Task statement ▸ Every line that holds the word "contexts" needs to be copied from the data below.
=== Section Start ===
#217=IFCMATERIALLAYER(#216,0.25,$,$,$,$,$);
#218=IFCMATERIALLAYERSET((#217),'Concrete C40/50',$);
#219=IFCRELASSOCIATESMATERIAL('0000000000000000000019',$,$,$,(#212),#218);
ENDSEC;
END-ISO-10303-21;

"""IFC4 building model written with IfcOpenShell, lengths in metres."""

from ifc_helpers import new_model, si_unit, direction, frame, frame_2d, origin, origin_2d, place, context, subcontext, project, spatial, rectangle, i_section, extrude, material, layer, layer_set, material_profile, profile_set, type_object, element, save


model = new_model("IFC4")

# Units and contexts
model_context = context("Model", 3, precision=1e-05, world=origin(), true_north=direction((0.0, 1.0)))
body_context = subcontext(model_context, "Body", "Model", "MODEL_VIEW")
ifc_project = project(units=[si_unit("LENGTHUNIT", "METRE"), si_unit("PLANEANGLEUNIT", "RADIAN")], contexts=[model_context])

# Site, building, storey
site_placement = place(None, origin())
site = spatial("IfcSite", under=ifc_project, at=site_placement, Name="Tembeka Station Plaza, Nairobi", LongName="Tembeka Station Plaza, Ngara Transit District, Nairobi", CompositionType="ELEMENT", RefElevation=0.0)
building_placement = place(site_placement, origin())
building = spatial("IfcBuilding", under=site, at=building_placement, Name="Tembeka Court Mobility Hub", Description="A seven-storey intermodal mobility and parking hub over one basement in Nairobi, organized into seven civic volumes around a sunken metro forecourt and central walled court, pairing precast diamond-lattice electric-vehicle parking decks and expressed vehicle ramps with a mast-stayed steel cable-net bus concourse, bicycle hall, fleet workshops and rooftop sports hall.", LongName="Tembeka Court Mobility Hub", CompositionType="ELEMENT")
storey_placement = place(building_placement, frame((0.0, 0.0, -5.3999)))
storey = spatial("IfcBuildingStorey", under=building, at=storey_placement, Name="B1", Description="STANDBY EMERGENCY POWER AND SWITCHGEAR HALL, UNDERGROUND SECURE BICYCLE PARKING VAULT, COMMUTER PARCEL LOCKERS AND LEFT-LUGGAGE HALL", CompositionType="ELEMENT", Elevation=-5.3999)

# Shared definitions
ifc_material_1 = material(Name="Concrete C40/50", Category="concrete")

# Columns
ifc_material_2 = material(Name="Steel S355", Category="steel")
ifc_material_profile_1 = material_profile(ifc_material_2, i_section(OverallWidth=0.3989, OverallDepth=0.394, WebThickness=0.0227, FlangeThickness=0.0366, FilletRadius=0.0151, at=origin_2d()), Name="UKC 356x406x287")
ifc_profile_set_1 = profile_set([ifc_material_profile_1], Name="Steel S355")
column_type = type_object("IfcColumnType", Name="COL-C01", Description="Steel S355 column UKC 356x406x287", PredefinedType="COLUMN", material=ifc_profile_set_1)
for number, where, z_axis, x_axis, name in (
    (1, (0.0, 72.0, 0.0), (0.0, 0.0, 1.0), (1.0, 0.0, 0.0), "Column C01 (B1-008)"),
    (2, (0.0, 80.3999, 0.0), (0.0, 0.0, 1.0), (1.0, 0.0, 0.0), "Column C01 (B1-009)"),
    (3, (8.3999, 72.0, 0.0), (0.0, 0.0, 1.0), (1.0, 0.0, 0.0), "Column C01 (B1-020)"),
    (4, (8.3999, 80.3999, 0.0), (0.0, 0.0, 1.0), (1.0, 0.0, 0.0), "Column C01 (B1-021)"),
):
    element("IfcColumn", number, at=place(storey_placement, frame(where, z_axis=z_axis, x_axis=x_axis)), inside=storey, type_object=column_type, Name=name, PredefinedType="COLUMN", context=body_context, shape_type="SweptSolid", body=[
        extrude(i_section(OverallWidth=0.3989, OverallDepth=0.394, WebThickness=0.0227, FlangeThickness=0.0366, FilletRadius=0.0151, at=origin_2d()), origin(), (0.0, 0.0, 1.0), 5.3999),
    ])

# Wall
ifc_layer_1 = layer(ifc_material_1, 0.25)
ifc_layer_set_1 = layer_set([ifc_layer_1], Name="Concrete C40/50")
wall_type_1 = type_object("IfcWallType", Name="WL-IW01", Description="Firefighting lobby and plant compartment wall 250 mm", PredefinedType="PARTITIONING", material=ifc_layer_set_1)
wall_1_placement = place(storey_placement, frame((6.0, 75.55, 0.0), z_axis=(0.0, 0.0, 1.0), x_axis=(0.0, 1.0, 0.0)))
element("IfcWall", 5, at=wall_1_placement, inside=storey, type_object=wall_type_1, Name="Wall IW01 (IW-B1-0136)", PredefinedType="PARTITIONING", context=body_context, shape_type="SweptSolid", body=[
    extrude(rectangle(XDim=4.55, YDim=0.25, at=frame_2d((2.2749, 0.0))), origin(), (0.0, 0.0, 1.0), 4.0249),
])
=== Section End ===
Output for this task ▸
# Units and contexts
ifc_project = project(units=[si_unit("LENGTHUNIT", "METRE"), si_unit("PLANEANGLEUNIT", "RADIAN")], contexts=[model_context])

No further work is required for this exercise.